• **Exercise description**
Below are the entries; give again exactly the lines from the one mentioning "#185=IFCINDEXEDPOLYGONALFACE((1,3,7,5));" through the one mentioning "#200=IFCRELAGGREGATES('0000000000000000000030',$,$,$,#8,(#14));", inclusive.

Data to use: Begin

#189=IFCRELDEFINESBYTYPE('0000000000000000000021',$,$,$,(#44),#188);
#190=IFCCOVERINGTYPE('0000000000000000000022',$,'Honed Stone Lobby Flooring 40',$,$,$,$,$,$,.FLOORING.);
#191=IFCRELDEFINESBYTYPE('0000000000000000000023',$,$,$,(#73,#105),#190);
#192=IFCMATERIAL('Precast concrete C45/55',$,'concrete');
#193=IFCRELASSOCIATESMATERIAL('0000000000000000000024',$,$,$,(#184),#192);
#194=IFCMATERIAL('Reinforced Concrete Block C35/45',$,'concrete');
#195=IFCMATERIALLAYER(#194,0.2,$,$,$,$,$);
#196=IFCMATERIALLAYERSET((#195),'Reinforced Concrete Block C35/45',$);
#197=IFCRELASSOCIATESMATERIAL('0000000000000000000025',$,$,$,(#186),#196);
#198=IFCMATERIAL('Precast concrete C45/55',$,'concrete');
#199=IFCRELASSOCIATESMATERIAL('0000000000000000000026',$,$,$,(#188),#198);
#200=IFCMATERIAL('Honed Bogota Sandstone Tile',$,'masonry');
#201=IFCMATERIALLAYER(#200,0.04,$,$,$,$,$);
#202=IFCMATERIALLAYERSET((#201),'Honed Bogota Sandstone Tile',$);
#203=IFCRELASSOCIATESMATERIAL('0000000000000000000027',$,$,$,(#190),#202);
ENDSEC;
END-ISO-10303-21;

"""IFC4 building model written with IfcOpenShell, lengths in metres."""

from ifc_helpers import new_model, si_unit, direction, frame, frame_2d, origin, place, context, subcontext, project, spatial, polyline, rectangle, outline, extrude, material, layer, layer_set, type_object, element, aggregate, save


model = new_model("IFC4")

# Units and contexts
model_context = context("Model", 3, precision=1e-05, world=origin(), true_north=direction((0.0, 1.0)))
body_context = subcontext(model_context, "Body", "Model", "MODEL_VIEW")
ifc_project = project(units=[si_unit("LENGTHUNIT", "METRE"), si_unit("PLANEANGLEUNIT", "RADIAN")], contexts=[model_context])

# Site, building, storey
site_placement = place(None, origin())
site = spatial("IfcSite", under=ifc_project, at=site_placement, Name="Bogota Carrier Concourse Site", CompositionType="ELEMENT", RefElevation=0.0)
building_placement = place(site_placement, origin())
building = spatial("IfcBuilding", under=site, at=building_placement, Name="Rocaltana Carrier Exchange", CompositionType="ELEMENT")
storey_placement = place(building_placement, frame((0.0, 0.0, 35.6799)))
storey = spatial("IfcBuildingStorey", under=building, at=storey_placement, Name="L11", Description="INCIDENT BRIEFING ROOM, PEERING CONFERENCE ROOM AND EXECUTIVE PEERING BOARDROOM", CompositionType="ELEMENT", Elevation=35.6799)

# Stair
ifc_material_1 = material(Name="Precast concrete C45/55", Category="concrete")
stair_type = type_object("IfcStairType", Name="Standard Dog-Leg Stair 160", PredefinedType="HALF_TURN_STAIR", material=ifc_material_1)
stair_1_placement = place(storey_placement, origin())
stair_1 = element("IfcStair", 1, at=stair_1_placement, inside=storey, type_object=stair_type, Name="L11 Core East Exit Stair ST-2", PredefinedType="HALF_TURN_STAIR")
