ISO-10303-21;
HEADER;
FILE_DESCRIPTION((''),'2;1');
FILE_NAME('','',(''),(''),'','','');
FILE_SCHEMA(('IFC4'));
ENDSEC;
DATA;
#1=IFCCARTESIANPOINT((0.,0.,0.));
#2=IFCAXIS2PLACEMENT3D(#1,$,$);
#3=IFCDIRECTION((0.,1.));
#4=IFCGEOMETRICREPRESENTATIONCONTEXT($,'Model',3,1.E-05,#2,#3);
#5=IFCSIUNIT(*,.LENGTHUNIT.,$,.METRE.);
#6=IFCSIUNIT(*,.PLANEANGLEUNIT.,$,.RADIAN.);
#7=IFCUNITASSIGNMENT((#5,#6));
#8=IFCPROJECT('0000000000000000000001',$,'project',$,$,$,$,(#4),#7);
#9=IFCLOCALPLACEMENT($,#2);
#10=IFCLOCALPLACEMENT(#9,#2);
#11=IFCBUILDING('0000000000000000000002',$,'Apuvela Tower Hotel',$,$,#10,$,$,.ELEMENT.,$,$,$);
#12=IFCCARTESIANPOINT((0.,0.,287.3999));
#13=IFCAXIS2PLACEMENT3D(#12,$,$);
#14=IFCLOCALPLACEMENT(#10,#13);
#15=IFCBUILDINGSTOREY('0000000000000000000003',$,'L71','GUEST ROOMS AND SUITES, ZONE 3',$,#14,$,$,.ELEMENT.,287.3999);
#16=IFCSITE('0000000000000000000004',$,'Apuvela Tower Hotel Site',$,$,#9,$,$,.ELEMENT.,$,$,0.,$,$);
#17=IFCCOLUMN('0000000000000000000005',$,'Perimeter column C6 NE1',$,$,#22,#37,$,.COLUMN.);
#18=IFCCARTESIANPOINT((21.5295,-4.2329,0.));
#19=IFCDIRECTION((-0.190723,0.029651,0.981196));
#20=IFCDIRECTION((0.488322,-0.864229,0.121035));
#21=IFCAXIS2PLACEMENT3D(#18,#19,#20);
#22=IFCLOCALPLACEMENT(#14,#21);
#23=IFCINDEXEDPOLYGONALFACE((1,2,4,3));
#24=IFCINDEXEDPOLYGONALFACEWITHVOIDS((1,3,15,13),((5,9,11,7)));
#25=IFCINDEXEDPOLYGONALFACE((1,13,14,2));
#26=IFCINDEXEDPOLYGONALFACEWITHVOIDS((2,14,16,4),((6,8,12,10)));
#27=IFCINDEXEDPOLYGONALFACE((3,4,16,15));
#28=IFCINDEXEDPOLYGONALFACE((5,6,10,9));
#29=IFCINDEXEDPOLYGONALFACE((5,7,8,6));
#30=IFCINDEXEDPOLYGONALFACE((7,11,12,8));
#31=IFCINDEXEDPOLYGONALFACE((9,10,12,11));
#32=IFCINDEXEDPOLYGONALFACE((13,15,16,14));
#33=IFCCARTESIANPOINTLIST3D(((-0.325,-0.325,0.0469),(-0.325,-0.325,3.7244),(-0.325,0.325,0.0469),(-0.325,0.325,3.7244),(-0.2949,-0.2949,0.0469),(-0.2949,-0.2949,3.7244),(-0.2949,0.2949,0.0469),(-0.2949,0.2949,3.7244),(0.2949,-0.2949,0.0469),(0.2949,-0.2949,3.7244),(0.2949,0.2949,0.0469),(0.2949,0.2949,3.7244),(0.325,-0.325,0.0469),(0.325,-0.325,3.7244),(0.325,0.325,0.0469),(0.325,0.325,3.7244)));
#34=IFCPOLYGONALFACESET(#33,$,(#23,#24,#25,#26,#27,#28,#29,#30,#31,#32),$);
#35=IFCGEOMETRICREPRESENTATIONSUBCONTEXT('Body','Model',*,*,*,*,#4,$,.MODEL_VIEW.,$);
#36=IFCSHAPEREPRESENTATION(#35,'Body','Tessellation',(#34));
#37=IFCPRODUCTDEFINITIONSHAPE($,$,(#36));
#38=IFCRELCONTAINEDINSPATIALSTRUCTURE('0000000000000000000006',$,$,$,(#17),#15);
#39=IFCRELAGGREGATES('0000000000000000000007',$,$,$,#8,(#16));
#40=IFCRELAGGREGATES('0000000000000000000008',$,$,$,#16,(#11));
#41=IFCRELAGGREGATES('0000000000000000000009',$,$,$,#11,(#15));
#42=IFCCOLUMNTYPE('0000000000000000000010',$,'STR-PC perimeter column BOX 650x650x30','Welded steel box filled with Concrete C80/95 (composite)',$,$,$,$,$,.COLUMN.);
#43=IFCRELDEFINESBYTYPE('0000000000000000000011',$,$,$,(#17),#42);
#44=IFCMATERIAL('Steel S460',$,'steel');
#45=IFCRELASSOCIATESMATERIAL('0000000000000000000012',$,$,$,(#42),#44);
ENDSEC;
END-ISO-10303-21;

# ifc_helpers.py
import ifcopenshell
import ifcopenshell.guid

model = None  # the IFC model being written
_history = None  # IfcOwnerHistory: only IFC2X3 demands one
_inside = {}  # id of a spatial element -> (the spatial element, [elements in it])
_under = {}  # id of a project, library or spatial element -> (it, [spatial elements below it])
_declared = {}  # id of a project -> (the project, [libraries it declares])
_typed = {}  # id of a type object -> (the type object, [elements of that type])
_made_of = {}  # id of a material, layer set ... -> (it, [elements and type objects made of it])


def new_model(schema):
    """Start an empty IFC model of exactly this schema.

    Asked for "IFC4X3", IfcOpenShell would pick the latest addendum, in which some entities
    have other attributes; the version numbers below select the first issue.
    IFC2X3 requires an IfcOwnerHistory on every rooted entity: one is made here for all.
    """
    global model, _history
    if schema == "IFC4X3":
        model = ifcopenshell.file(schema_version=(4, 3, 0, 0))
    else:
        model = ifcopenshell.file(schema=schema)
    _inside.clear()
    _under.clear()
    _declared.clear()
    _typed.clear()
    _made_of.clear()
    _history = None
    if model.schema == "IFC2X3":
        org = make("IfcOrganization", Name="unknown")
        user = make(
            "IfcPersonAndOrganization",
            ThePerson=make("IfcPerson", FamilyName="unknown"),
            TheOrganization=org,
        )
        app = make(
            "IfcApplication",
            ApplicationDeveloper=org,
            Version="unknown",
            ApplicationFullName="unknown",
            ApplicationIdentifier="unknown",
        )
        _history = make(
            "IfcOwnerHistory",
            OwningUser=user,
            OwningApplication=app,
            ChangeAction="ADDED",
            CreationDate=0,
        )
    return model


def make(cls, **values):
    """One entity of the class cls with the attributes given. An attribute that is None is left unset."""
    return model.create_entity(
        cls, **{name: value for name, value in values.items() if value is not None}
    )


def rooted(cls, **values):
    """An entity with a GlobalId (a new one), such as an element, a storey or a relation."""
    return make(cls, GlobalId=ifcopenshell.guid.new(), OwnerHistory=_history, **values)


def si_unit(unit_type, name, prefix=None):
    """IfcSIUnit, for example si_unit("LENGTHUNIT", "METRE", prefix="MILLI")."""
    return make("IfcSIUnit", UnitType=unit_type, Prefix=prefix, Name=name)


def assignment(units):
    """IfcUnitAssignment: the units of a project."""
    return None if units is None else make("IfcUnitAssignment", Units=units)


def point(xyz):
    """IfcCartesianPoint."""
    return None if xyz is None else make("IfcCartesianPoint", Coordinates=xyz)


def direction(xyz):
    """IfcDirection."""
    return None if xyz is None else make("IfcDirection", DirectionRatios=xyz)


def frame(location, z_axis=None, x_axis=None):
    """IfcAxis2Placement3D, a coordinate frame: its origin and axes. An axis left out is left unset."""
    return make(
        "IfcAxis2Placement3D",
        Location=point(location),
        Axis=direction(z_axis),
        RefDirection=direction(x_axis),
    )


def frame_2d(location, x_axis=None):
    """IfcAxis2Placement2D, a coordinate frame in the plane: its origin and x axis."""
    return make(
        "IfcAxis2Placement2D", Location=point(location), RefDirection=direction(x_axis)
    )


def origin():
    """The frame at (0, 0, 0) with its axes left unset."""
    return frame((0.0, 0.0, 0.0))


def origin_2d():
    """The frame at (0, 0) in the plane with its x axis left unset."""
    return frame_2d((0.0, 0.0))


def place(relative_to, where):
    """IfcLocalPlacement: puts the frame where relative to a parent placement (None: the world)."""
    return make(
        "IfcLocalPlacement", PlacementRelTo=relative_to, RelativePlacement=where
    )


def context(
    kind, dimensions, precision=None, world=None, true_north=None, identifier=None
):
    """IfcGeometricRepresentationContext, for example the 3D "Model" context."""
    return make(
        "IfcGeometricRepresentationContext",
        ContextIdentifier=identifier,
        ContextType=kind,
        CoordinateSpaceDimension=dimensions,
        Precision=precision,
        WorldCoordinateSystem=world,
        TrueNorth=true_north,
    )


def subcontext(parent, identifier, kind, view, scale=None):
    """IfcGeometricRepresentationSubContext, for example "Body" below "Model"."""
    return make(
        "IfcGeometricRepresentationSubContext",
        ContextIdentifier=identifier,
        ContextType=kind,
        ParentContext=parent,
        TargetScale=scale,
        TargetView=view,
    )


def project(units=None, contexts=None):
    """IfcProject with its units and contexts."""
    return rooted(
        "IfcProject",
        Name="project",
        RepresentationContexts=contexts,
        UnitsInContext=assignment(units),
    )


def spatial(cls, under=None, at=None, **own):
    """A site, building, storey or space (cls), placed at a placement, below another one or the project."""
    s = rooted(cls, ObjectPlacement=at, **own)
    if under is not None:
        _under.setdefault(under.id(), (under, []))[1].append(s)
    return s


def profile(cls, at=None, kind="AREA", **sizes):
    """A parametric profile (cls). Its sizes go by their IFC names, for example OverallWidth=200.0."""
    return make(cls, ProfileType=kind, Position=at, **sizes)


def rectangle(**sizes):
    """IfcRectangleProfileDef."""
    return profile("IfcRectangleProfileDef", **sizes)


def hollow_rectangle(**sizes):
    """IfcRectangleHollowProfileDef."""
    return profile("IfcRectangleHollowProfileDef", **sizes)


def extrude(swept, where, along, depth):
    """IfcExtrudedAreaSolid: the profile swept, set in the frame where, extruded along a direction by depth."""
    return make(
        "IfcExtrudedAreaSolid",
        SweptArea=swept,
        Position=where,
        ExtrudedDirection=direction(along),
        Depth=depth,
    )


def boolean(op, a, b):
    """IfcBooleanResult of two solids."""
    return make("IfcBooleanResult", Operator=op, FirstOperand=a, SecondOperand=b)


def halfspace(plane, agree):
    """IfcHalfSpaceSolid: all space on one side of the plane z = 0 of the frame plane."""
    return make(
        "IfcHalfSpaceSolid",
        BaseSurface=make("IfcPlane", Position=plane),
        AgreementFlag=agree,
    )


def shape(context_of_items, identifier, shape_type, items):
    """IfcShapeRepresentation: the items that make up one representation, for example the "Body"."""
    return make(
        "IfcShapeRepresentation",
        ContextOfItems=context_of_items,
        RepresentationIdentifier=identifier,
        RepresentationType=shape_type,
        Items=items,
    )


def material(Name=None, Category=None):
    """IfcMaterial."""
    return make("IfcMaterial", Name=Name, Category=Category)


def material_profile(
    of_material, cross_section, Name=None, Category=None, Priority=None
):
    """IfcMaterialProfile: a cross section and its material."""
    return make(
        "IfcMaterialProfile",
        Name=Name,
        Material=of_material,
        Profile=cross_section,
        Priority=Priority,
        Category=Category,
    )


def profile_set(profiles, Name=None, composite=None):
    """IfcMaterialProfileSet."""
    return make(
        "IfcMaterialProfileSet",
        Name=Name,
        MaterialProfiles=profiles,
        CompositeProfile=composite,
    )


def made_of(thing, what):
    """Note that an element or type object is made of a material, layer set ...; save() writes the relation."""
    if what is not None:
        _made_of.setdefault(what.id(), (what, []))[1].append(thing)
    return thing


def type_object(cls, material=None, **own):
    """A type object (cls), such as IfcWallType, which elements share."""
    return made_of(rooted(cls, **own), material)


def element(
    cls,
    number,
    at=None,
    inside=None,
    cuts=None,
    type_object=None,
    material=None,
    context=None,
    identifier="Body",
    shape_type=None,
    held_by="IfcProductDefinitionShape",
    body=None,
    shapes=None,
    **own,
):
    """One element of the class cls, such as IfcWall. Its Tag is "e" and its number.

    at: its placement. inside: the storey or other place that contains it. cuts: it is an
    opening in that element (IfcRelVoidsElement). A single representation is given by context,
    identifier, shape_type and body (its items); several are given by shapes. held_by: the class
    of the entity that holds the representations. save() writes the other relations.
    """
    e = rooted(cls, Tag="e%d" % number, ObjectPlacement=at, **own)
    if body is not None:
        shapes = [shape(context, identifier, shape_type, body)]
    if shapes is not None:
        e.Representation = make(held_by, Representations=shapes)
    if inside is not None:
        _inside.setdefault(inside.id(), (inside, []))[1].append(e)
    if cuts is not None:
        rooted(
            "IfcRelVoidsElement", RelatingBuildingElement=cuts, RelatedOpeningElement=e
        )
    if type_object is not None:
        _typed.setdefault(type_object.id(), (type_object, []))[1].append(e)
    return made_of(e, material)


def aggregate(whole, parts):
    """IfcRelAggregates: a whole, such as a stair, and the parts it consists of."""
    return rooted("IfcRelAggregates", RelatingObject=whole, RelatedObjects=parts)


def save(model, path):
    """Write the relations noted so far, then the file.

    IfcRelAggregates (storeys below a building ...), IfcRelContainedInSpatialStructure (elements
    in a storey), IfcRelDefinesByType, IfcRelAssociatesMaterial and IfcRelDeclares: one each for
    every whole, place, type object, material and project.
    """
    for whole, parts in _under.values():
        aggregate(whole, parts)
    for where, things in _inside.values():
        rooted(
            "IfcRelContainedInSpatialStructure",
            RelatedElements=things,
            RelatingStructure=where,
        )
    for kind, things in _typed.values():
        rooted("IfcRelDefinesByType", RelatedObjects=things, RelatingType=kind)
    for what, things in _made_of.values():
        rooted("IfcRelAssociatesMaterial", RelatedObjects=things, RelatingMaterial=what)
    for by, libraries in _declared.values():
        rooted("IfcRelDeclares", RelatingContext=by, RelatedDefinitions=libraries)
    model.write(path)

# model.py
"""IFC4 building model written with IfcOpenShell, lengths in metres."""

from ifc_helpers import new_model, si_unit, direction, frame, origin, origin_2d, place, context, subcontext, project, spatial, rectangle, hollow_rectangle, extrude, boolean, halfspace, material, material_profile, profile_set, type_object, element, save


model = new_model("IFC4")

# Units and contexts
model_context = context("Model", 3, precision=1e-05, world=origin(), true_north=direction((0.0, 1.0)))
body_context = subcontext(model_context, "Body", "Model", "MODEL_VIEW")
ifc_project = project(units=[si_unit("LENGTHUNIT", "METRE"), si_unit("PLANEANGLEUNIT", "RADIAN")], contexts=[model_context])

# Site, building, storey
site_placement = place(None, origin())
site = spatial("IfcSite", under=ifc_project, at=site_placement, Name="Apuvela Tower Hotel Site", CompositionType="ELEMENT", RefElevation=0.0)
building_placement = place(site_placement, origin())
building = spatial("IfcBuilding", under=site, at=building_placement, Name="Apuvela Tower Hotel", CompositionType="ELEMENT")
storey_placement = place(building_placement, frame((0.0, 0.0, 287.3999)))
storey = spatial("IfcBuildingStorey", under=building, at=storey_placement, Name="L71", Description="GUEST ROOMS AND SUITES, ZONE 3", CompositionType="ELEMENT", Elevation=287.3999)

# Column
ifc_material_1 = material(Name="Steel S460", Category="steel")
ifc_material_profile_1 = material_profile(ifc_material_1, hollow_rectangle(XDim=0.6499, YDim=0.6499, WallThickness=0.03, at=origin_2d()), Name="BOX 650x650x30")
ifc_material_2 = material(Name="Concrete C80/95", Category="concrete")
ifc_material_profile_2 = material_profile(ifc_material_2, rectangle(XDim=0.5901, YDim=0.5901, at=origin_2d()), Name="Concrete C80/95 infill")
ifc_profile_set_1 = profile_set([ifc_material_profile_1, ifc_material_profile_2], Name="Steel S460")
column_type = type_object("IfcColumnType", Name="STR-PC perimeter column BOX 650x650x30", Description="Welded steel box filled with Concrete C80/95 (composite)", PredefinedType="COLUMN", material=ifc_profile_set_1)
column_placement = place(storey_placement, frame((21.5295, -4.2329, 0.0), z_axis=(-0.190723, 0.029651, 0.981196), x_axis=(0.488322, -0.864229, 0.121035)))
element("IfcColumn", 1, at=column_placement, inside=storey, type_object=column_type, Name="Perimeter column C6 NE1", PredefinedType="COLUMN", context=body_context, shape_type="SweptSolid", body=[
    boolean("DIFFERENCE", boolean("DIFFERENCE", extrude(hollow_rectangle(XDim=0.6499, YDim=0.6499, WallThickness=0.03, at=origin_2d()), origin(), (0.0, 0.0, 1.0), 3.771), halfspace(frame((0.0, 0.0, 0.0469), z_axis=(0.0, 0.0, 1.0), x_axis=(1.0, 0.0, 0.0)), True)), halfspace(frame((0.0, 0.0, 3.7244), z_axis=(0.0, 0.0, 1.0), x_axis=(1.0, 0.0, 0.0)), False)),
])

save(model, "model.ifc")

Data to use: End
Data to use: Begin

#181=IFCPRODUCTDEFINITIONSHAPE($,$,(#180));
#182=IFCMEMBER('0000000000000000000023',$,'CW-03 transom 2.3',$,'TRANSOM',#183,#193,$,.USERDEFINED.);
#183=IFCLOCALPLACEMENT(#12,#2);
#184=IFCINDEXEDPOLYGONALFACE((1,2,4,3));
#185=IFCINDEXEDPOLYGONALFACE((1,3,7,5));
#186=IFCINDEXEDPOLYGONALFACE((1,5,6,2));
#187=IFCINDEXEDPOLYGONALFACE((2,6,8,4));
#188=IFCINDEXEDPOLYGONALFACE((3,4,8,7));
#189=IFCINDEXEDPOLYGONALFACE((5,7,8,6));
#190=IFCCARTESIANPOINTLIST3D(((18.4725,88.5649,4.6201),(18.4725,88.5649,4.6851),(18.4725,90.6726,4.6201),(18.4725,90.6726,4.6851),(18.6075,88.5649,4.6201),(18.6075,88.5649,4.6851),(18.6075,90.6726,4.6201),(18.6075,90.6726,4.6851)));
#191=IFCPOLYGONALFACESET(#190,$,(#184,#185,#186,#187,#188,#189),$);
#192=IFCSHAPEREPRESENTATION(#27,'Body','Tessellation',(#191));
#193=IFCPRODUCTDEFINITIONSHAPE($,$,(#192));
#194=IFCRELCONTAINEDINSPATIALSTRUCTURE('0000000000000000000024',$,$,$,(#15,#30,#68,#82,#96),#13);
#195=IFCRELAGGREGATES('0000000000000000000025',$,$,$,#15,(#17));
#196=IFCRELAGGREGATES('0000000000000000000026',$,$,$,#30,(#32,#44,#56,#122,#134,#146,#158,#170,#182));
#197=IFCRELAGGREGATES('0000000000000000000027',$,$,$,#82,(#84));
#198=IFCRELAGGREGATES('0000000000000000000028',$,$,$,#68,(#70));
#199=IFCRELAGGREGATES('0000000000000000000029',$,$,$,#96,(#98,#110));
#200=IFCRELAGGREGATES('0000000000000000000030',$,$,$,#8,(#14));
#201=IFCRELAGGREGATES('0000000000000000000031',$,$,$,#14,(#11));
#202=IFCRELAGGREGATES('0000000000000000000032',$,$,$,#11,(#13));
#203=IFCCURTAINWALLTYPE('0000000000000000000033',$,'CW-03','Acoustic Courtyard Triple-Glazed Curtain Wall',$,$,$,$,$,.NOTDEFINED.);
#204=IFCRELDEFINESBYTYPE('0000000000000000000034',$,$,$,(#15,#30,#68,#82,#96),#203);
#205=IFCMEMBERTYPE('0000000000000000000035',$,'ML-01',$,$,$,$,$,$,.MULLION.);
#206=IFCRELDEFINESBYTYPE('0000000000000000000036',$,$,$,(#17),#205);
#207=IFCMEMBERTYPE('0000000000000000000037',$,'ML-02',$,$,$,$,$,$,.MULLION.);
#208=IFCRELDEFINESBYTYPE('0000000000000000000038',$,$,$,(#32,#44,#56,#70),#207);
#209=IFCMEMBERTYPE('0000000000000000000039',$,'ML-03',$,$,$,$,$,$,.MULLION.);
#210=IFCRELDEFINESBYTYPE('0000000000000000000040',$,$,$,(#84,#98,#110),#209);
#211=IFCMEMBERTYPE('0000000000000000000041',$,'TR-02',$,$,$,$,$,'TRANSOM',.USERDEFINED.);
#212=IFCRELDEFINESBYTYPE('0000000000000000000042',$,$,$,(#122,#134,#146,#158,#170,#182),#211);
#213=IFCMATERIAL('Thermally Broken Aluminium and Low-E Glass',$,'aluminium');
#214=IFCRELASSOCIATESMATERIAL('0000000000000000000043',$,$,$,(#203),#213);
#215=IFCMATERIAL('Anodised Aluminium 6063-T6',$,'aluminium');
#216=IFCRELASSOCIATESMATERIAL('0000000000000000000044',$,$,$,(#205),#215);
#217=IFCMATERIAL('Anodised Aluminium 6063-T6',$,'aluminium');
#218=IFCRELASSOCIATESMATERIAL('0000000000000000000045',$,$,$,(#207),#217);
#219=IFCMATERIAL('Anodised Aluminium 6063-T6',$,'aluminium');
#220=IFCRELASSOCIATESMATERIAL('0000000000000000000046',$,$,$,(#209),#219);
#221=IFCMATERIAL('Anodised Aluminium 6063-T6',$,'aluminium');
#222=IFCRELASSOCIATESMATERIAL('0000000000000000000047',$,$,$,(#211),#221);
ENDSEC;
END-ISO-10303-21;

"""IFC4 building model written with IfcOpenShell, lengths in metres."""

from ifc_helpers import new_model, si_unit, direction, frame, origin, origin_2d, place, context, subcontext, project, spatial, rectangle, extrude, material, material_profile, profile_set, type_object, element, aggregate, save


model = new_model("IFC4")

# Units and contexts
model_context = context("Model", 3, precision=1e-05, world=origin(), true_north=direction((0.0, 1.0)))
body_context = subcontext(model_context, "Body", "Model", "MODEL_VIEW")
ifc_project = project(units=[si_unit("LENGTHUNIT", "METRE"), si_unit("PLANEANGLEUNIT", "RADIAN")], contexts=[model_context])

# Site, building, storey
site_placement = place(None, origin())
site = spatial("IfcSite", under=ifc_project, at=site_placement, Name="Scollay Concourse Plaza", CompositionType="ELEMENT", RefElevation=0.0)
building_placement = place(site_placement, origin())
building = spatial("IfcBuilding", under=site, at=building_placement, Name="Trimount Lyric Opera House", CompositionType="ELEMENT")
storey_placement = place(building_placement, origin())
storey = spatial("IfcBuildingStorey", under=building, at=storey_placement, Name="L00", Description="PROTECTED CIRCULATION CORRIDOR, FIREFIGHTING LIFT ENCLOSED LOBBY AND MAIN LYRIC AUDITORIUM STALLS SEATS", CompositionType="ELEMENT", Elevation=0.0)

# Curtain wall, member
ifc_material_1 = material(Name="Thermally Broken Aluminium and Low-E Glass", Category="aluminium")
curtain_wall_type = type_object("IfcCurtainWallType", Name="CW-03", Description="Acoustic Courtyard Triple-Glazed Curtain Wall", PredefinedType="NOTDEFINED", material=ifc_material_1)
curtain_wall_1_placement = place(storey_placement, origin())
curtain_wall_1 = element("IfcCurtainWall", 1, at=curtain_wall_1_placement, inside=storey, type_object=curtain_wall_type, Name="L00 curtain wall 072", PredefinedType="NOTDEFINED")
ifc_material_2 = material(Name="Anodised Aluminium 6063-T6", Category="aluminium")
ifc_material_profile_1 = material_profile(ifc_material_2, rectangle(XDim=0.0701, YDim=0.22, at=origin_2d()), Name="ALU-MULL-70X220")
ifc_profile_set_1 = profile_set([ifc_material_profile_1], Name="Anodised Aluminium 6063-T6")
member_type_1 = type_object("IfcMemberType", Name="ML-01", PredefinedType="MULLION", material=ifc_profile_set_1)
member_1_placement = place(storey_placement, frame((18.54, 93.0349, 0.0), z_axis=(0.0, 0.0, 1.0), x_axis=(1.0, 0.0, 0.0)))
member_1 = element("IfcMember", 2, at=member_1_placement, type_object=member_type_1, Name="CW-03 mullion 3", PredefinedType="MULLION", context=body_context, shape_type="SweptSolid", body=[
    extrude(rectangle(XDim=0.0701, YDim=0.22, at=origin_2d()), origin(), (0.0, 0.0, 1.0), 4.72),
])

Data to use: End

• **Answer**
#185=IFCINDEXEDPOLYGONALFACE((1,3,7,5));
#186=IFCINDEXEDPOLYGONALFACE((1,5,6,2));
#187=IFCINDEXEDPOLYGONALFACE((2,6,8,4));
#188=IFCINDEXEDPOLYGONALFACE((3,4,8,7));
#189=IFCINDEXEDPOLYGONALFACE((5,7,8,6));
#190=IFCCARTESIANPOINTLIST3D(((18.4725,88.5649,4.6201),(18.4725,88.5649,4.6851),(18.4725,90.6726,4.6201),(18.4725,90.6726,4.6851),(18.6075,88.5649,4.6201),(18.6075,88.5649,4.6851),(18.6075,90.6726,4.6201),(18.6075,90.6726,4.6851)));
#191=IFCPOLYGONALFACESET(#190,$,(#184,#185,#186,#187,#188,#189),$);
#192=IFCSHAPEREPRESENTATION(#27,'Body','Tessellation',(#191));
#193=IFCPRODUCTDEFINITIONSHAPE($,$,(#192));
#194=IFCRELCONTAINEDINSPATIALSTRUCTURE('0000000000000000000024',$,$,$,(#15,#30,#68,#82,#96),#13);
#195=IFCRELAGGREGATES('0000000000000000000025',$,$,$,#15,(#17));
#196=IFCRELAGGREGATES('0000000000000000000026',$,$,$,#30,(#32,#44,#56,#122,#134,#146,#158,#170,#182));
#197=IFCRELAGGREGATES('0000000000000000000027',$,$,$,#82,(#84));
#198=IFCRELAGGREGATES('0000000000000000000028',$,$,$,#68,(#70));
#199=IFCRELAGGREGATES('0000000000000000000029',$,$,$,#96,(#98,#110));
#200=IFCRELAGGREGATES('0000000000000000000030',$,$,$,#8,(#14));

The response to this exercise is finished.